§ Task to carry out: Reproduce all of the listing below without alteration.

§ Extracted data:
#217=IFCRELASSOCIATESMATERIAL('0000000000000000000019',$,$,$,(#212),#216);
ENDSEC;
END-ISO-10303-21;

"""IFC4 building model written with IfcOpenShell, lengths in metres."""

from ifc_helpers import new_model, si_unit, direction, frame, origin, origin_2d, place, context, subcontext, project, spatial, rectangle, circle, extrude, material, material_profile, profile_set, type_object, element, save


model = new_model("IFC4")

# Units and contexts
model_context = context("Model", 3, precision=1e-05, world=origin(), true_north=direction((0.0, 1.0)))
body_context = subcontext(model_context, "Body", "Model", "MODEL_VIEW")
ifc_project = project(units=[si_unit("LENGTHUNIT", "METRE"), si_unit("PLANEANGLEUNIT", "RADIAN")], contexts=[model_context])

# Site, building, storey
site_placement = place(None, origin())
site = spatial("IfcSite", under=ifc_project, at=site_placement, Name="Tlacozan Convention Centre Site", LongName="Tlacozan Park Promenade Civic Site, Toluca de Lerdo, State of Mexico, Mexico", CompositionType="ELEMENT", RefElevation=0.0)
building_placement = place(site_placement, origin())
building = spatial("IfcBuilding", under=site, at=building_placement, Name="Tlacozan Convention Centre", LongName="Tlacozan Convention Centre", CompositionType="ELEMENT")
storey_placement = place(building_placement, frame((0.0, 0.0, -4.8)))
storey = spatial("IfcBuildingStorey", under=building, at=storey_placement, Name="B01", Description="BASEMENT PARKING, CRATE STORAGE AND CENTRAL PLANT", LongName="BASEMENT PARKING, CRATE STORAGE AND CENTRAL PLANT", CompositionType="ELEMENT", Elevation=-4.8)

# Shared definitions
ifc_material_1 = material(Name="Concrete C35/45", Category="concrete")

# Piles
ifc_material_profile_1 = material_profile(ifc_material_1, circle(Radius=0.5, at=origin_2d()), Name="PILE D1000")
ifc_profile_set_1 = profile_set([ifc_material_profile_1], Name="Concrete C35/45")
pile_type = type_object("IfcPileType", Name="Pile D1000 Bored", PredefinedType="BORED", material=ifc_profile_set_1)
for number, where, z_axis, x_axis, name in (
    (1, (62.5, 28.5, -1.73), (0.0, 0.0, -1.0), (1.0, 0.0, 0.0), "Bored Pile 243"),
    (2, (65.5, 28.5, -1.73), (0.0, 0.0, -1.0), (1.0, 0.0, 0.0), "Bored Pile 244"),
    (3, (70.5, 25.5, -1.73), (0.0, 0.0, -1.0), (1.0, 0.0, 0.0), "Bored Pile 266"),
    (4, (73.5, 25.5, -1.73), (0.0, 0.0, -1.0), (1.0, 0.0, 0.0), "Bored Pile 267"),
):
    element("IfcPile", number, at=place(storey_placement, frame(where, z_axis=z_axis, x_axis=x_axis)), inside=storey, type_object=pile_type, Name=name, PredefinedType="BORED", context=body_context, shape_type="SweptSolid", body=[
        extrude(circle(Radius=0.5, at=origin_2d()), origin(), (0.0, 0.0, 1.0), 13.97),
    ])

§ Output:
#217=IFCRELASSOCIATESMATERIAL('0000000000000000000019',$,$,$,(#212),#216);
ENDSEC;
END-ISO-10303-21;

"""IFC4 building model written with IfcOpenShell, lengths in metres."""

from ifc_helpers import new_model, si_unit, direction, frame, origin, origin_2d, place, context, subcontext, project, spatial, rectangle, circle, extrude, material, material_profile, profile_set, type_object, element, save


model = new_model("IFC4")

# Units and contexts
model_context = context("Model", 3, precision=1e-05, world=origin(), true_north=direction((0.0, 1.0)))
body_context = subcontext(model_context, "Body", "Model", "MODEL_VIEW")
ifc_project = project(units=[si_unit("LENGTHUNIT", "METRE"), si_unit("PLANEANGLEUNIT", "RADIAN")], contexts=[model_context])

# Site, building, storey
site_placement = place(None, origin())
site = spatial("IfcSite", under=ifc_project, at=site_placement, Name="Tlacozan Convention Centre Site", LongName="Tlacozan Park Promenade Civic Site, Toluca de Lerdo, State of Mexico, Mexico", CompositionType="ELEMENT", RefElevation=0.0)
building_placement = place(site_placement, origin())
building = spatial("IfcBuilding", under=site, at=building_placement, Name="Tlacozan Convention Centre", LongName="Tlacozan Convention Centre", CompositionType="ELEMENT")
storey_placement = place(building_placement, frame((0.0, 0.0, -4.8)))
storey = spatial("IfcBuildingStorey", under=building, at=storey_placement, Name="B01", Description="BASEMENT PARKING, CRATE STORAGE AND CENTRAL PLANT", LongName="BASEMENT PARKING, CRATE STORAGE AND CENTRAL PLANT", CompositionType="ELEMENT", Elevation=-4.8)

# Shared definitions
ifc_material_1 = material(Name="Concrete C35/45", Category="concrete")

# Piles
ifc_material_profile_1 = material_profile(ifc_material_1, circle(Radius=0.5, at=origin_2d()), Name="PILE D1000")
ifc_profile_set_1 = profile_set([ifc_material_profile_1], Name="Concrete C35/45")
pile_type = type_object("IfcPileType", Name="Pile D1000 Bored", PredefinedType="BORED", material=ifc_profile_set_1)
for number, where, z_axis, x_axis, name in (
    (1, (62.5, 28.5, -1.73), (0.0, 0.0, -1.0), (1.0, 0.0, 0.0), "Bored Pile 243"),
    (2, (65.5, 28.5, -1.73), (0.0, 0.0, -1.0), (1.0, 0.0, 0.0), "Bored Pile 244"),
    (3, (70.5, 25.5, -1.73), (0.0, 0.0, -1.0), (1.0, 0.0, 0.0), "Bored Pile 266"),
    (4, (73.5, 25.5, -1.73), (0.0, 0.0, -1.0), (1.0, 0.0, 0.0), "Bored Pile 267"),
):
    element("IfcPile", number, at=place(storey_placement, frame(where, z_axis=z_axis, x_axis=x_axis)), inside=storey, type_object=pile_type, Name=name, PredefinedType="BORED", context=body_context, shape_type="SweptSolid", body=[
        extrude(circle(Radius=0.5, at=origin_2d()), origin(), (0.0, 0.0, 1.0), 13.97),
    ])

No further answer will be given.